***** STORED DATA *****

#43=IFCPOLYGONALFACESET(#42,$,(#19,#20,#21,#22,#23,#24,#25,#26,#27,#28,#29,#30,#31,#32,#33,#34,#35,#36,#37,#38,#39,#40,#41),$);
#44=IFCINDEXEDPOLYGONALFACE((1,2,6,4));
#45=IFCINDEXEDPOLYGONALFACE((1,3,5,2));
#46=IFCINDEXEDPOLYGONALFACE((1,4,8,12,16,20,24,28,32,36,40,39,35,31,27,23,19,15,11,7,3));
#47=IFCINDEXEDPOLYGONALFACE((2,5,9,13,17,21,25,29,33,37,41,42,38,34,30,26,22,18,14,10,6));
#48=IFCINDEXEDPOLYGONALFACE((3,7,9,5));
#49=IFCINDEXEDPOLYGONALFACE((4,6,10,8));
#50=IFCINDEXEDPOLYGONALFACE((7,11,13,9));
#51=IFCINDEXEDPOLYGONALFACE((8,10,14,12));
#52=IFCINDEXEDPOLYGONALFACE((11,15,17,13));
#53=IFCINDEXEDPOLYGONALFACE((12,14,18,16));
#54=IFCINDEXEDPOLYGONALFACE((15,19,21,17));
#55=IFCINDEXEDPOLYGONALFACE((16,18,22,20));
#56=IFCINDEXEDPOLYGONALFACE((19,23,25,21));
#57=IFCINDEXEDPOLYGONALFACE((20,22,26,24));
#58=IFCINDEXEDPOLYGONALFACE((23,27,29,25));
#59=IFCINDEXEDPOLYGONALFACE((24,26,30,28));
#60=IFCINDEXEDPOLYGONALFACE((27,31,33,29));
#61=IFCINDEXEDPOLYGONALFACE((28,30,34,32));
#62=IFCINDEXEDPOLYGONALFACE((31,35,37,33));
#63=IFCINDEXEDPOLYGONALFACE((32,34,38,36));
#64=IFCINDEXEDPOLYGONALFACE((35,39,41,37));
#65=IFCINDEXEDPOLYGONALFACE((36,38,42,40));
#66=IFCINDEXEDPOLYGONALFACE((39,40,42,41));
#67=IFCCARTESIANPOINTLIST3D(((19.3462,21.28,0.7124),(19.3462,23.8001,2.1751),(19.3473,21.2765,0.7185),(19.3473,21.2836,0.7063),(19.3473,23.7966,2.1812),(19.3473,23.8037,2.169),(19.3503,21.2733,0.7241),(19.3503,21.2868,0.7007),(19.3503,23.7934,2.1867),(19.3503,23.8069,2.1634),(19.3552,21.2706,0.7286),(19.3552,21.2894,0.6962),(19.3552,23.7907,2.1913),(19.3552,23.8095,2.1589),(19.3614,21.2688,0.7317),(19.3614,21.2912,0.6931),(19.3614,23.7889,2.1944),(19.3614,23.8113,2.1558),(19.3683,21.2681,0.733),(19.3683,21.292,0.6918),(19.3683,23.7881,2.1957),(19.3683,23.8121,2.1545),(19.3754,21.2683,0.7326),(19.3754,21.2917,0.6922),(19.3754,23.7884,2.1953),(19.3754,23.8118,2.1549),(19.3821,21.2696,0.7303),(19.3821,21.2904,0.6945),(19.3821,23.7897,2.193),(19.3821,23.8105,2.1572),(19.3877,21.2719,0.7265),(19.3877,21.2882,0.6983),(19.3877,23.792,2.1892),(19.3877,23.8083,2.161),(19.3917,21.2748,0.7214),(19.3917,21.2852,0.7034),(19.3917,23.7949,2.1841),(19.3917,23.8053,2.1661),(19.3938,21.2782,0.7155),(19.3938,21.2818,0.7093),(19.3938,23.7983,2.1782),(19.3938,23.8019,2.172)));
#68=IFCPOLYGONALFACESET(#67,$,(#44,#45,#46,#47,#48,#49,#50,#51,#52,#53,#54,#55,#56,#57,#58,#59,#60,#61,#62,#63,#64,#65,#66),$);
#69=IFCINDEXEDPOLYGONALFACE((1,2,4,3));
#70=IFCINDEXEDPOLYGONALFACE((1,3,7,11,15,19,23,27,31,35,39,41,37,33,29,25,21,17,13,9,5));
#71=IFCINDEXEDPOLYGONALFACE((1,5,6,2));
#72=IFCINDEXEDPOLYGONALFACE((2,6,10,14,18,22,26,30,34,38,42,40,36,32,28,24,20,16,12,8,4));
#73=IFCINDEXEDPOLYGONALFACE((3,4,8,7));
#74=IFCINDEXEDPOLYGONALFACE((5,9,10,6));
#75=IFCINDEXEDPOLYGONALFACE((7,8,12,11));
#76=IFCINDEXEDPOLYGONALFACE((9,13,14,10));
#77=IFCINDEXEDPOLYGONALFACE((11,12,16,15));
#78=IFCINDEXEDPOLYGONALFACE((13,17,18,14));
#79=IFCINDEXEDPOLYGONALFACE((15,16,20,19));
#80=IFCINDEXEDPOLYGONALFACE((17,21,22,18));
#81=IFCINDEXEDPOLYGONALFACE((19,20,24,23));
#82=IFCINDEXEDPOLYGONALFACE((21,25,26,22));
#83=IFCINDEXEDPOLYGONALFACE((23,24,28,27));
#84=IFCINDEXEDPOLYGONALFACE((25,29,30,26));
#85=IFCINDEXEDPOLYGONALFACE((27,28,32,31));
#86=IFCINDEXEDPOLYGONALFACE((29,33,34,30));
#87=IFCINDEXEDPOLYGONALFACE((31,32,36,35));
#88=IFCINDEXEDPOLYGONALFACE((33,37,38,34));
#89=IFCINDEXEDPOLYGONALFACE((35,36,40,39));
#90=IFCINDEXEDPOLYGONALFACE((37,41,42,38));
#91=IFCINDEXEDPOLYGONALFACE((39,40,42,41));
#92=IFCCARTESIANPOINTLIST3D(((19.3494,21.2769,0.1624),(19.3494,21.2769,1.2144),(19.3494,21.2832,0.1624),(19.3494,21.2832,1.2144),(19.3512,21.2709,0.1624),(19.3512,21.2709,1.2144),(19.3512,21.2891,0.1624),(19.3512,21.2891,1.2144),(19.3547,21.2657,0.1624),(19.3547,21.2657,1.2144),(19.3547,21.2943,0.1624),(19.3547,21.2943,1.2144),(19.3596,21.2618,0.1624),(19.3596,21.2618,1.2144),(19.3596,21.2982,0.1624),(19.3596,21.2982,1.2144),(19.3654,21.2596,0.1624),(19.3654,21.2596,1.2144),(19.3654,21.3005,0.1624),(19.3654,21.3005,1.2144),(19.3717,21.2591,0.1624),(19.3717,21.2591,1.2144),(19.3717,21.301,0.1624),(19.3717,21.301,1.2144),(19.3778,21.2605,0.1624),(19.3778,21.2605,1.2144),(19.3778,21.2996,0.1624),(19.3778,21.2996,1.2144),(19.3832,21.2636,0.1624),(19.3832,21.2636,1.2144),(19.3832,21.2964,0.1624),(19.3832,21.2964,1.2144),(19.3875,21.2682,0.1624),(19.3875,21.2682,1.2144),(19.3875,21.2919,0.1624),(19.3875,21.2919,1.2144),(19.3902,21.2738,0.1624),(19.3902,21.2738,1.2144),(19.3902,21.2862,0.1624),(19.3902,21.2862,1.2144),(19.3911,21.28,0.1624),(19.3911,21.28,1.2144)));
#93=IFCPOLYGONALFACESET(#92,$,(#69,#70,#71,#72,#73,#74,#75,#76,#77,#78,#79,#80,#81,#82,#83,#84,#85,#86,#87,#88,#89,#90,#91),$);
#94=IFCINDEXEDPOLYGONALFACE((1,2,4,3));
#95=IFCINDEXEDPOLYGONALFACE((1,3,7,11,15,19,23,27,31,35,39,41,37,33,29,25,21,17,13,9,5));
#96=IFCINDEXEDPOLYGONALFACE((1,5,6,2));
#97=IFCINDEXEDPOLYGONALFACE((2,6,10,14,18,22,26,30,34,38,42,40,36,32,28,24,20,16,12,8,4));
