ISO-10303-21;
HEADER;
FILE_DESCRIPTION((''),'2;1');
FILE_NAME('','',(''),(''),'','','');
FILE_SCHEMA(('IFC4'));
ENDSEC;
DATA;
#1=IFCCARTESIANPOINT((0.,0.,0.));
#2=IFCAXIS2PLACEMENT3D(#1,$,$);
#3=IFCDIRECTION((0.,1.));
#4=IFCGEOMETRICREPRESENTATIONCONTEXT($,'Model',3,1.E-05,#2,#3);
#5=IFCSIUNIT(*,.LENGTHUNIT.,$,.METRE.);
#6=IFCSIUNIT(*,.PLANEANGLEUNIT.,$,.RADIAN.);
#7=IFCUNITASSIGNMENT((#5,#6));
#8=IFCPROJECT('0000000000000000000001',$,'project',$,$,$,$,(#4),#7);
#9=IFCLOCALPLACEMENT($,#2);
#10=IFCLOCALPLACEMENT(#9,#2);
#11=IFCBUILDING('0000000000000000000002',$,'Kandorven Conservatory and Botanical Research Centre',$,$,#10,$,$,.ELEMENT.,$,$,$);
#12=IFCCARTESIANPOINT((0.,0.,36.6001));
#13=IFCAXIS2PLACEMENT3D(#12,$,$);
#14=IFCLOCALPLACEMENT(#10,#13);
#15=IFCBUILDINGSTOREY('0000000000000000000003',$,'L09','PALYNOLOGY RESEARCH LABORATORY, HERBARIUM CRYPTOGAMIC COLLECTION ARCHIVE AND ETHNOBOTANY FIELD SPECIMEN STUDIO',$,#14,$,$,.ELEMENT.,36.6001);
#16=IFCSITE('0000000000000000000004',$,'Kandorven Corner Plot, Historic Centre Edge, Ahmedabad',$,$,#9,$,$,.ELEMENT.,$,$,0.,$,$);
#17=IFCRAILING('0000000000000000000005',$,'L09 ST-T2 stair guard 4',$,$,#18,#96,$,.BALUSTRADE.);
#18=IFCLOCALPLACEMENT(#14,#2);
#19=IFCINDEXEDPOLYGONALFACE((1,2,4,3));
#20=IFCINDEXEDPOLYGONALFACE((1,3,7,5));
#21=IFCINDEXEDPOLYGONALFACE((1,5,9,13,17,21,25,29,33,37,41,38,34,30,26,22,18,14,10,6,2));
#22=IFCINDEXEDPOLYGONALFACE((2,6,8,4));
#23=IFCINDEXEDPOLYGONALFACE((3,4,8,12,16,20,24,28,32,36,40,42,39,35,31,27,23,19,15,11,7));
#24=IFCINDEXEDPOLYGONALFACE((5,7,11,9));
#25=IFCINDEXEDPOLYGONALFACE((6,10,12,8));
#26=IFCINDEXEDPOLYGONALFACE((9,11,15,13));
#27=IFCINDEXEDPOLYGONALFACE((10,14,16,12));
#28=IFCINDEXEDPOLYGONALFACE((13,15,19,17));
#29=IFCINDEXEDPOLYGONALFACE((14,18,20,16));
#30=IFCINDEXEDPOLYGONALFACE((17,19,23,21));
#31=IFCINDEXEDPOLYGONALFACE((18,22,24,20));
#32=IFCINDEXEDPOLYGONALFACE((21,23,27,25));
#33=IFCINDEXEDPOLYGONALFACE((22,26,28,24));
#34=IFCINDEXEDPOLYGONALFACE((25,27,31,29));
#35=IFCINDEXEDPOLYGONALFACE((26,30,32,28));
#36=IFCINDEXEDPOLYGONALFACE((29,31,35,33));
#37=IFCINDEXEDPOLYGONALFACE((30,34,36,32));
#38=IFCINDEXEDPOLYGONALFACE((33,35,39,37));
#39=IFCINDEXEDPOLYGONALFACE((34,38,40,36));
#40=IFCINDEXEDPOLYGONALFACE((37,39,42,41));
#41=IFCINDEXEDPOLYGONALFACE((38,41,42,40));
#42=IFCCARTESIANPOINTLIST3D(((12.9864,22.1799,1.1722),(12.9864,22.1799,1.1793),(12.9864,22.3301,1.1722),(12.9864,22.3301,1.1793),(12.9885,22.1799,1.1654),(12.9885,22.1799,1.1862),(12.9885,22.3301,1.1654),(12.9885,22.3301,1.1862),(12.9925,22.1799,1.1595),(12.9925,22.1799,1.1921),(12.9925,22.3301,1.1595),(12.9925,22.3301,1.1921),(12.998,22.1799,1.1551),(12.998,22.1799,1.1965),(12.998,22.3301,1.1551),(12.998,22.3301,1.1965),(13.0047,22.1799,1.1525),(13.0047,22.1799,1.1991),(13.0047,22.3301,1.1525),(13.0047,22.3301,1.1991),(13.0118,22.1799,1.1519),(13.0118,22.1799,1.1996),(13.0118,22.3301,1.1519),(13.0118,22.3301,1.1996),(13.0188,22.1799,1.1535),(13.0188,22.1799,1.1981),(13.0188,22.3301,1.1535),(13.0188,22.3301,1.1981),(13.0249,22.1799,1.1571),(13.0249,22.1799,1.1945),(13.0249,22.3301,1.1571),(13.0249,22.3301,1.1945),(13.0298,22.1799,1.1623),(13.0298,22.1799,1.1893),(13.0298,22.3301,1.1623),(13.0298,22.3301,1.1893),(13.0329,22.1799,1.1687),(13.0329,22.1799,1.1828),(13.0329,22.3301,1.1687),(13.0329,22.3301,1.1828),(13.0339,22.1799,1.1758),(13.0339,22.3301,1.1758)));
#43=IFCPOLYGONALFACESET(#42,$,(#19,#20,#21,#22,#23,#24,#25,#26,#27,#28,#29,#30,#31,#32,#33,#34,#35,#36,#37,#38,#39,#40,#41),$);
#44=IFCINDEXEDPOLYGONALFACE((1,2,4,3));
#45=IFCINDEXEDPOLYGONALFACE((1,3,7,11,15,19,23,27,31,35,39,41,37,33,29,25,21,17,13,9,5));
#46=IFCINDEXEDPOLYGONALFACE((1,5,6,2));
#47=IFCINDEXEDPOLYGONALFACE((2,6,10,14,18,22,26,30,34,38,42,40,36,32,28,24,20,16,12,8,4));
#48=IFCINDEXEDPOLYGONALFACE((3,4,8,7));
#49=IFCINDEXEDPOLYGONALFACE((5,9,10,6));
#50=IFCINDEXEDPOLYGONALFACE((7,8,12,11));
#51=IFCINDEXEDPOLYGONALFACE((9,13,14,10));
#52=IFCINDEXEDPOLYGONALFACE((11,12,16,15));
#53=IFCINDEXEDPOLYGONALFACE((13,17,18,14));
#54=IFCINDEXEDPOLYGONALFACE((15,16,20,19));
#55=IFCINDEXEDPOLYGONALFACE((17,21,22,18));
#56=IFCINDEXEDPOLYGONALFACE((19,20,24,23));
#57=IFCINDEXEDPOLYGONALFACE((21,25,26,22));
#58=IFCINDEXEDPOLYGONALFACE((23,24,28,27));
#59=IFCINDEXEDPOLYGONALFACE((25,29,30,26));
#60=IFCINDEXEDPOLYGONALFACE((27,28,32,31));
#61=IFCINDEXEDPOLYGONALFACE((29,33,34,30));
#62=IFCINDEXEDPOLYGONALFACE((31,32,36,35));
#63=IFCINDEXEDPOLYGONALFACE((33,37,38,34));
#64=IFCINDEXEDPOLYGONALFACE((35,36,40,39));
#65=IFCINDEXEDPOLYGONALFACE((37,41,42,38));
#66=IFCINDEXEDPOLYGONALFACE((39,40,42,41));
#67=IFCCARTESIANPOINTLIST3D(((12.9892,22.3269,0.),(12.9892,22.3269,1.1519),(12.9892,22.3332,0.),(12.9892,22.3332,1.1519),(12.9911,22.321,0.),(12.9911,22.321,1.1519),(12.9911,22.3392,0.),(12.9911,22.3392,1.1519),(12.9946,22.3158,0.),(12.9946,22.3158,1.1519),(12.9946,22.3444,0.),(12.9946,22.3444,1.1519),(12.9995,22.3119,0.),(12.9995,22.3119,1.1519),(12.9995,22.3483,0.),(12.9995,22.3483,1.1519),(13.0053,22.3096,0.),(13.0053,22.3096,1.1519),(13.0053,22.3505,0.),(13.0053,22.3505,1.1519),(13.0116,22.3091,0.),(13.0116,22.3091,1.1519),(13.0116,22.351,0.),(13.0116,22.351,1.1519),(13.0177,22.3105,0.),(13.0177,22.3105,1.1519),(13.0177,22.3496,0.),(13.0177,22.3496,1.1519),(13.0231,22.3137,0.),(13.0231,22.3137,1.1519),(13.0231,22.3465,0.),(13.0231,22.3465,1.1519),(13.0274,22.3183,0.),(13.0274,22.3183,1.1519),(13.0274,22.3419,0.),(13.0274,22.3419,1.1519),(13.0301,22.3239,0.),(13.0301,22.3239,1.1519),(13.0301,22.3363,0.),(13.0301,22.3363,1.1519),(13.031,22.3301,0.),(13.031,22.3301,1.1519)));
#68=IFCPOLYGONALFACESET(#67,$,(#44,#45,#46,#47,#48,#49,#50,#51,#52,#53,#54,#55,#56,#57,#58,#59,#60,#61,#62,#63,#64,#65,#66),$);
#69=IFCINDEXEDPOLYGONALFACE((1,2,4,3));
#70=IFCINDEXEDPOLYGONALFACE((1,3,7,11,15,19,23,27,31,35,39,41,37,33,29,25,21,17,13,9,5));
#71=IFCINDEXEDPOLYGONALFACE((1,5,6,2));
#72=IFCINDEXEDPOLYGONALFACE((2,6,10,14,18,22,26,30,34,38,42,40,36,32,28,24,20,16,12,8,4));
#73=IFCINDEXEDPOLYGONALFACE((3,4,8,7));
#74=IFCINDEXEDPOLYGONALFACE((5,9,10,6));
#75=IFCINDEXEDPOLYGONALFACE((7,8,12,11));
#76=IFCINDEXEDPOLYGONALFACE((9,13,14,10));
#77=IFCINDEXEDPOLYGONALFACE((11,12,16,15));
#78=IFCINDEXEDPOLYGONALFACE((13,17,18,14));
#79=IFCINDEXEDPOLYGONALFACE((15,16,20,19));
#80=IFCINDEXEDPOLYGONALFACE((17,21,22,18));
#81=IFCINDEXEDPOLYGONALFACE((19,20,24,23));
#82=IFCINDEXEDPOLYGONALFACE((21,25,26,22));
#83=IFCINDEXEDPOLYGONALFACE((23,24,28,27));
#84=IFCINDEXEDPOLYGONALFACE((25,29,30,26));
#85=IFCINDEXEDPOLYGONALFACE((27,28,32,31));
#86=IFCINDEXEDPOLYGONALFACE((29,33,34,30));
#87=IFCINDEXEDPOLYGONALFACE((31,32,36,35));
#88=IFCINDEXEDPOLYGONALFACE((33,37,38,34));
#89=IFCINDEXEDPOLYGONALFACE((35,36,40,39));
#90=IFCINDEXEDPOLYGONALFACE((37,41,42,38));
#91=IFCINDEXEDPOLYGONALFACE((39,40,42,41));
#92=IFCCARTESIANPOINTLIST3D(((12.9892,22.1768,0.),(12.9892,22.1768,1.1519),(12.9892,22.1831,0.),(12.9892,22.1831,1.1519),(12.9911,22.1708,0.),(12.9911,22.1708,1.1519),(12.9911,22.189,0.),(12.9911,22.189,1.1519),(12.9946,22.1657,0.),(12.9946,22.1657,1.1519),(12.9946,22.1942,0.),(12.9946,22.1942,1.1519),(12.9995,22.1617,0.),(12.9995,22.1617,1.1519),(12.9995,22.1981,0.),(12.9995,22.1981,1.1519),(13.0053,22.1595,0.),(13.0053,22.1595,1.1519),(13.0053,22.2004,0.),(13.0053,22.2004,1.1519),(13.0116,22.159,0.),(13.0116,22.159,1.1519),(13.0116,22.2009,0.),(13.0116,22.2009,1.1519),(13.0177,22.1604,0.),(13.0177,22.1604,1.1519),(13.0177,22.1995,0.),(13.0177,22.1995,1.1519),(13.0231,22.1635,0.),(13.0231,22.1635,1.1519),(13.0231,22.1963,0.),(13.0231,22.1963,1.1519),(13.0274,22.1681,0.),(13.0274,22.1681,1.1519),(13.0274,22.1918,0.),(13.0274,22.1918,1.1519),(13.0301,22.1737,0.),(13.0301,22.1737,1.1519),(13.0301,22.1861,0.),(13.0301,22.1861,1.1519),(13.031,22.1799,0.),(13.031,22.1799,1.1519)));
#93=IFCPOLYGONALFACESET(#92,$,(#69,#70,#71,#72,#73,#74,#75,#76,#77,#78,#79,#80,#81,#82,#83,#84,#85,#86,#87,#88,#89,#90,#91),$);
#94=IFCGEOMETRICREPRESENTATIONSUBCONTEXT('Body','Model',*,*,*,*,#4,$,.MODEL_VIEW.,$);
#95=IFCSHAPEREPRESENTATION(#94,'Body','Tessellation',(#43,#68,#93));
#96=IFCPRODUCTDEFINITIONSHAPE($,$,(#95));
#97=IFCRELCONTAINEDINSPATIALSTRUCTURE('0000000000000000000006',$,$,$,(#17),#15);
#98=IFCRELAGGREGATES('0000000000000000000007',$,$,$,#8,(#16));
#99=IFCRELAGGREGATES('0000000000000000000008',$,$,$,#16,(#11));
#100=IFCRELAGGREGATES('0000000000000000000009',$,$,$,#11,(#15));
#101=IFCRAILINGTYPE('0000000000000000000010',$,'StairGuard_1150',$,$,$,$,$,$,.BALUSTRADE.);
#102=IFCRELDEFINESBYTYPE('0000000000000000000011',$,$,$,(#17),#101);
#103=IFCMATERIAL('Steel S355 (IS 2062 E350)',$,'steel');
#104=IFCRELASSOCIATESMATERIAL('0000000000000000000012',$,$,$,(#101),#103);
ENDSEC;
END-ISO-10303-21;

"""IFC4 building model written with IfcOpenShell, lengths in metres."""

from ifc_helpers import new_model, si_unit, direction, frame, origin, origin_2d, place, context, subcontext, project, spatial, circle, extrude, material, type_object, element, save


model = new_model("IFC4")

# Units and contexts
model_context = context("Model", 3, precision=1e-05, world=origin(), true_north=direction((0.0, 1.0)))
body_context = subcontext(model_context, "Body", "Model", "MODEL_VIEW")
ifc_project = project(units=[si_unit("LENGTHUNIT", "METRE"), si_unit("PLANEANGLEUNIT", "RADIAN")], contexts=[model_context])

# Site, building, storey
site_placement = place(None, origin())
site = spatial("IfcSite", under=ifc_project, at=site_placement, Name="Kandorven Corner Plot, Historic Centre Edge, Ahmedabad", CompositionType="ELEMENT", RefElevation=0.0)
building_placement = place(site_placement, origin())
building = spatial("IfcBuilding", under=site, at=building_placement, Name="Kandorven Conservatory and Botanical Research Centre", CompositionType="ELEMENT")
storey_placement = place(building_placement, frame((0.0, 0.0, 36.6001)))
storey = spatial("IfcBuildingStorey", under=building, at=storey_placement, Name="L09", Description="PALYNOLOGY RESEARCH LABORATORY, HERBARIUM CRYPTOGAMIC COLLECTION ARCHIVE AND ETHNOBOTANY FIELD SPECIMEN STUDIO", CompositionType="ELEMENT", Elevation=36.6001)

# Railing
ifc_material_1 = material(Name="Steel S355 (IS 2062 E350)", Category="steel")
railing_type_1 = type_object("IfcRailingType", Name="StairGuard_1150", PredefinedType="BALUSTRADE", material=ifc_material_1)
railing_1_placement = place(storey_placement, frame((13.01, 22.3301, 0.0)))
element("IfcRailing", 1, at=railing_1_placement, inside=storey, type_object=railing_type_1, Name="L09 ST-T2 stair guard 4", PredefinedType="BALUSTRADE", context=body_context, shape_type="SweptSolid", body=[
    extrude(circle(Radius=0.0239, at=origin_2d()), frame((0.0, 0.0, 1.1758), z_axis=(0.0, -1.0, 0.0), x_axis=(1.0, 0.0, 0.0)), (0.0, 0.0, 1.0), 0.1501),
    extrude(circle(Radius=0.021, at=origin_2d()), origin(), (0.0, 0.0, 1.0), 1.1519),
    extrude(circle(Radius=0.021, at=origin_2d()), frame((0.0, -0.1501, 0.0)), (0.0, 0.0, 1.0), 1.1519),
])

save(model, "model.ifc")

*****

▶ [WORK REQUIRED]:
Since only part of the listing is wanted, copy exactly the lines from the one holding "#26=IFCINDEXEDPOLYGONALFACE((9,11,15,13));" to the one holding "#48=IFCINDEXEDPOLYGONALFACE((3,4,8,7));", both included.

▶ [WRITTEN ANSWER]:
#26=IFCINDEXEDPOLYGONALFACE((9,11,15,13));
#27=IFCINDEXEDPOLYGONALFACE((10,14,16,12));
#28=IFCINDEXEDPOLYGONALFACE((13,15,19,17));
#29=IFCINDEXEDPOLYGONALFACE((14,18,20,16));
#30=IFCINDEXEDPOLYGONALFACE((17,19,23,21));
#31=IFCINDEXEDPOLYGONALFACE((18,22,24,20));
#32=IFCINDEXEDPOLYGONALFACE((21,23,27,25));
#33=IFCINDEXEDPOLYGONALFACE((22,26,28,24));
#34=IFCINDEXEDPOLYGONALFACE((25,27,31,29));
#35=IFCINDEXEDPOLYGONALFACE((26,30,32,28));
#36=IFCINDEXEDPOLYGONALFACE((29,31,35,33));
#37=IFCINDEXEDPOLYGONALFACE((30,34,36,32));
#38=IFCINDEXEDPOLYGONALFACE((33,35,39,37));
#39=IFCINDEXEDPOLYGONALFACE((34,38,40,36));
#40=IFCINDEXEDPOLYGONALFACE((37,39,42,41));
#41=IFCINDEXEDPOLYGONALFACE((38,41,42,40));
#42=IFCCARTESIANPOINTLIST3D(((12.9864,22.1799,1.1722),(12.9864,22.1799,1.1793),(12.9864,22.3301,1.1722),(12.9864,22.3301,1.1793),(12.9885,22.1799,1.1654),(12.9885,22.1799,1.1862),(12.9885,22.3301,1.1654),(12.9885,22.3301,1.1862),(12.9925,22.1799,1.1595),(12.9925,22.1799,1.1921),(12.9925,22.3301,1.1595),(12.9925,22.3301,1.1921),(12.998,22.1799,1.1551),(12.998,22.1799,1.1965),(12.998,22.3301,1.1551),(12.998,22.3301,1.1965),(13.0047,22.1799,1.1525),(13.0047,22.1799,1.1991),(13.0047,22.3301,1.1525),(13.0047,22.3301,1.1991),(13.0118,22.1799,1.1519),(13.0118,22.1799,1.1996),(13.0118,22.3301,1.1519),(13.0118,22.3301,1.1996),(13.0188,22.1799,1.1535),(13.0188,22.1799,1.1981),(13.0188,22.3301,1.1535),(13.0188,22.3301,1.1981),(13.0249,22.1799,1.1571),(13.0249,22.1799,1.1945),(13.0249,22.3301,1.1571),(13.0249,22.3301,1.1945),(13.0298,22.1799,1.1623),(13.0298,22.1799,1.1893),(13.0298,22.3301,1.1623),(13.0298,22.3301,1.1893),(13.0329,22.1799,1.1687),(13.0329,22.1799,1.1828),(13.0329,22.3301,1.1687),(13.0329,22.3301,1.1828),(13.0339,22.1799,1.1758),(13.0339,22.3301,1.1758)));
#43=IFCPOLYGONALFACESET(#42,$,(#19,#20,#21,#22,#23,#24,#25,#26,#27,#28,#29,#30,#31,#32,#33,#34,#35,#36,#37,#38,#39,#40,#41),$);
#44=IFCINDEXEDPOLYGONALFACE((1,2,4,3));
#45=IFCINDEXEDPOLYGONALFACE((1,3,7,11,15,19,23,27,31,35,39,41,37,33,29,25,21,17,13,9,5));
#46=IFCINDEXEDPOLYGONALFACE((1,5,6,2));
#47=IFCINDEXEDPOLYGONALFACE((2,6,10,14,18,22,26,30,34,38,42,40,36,32,28,24,20,16,12,8,4));
#48=IFCINDEXEDPOLYGONALFACE((3,4,8,7));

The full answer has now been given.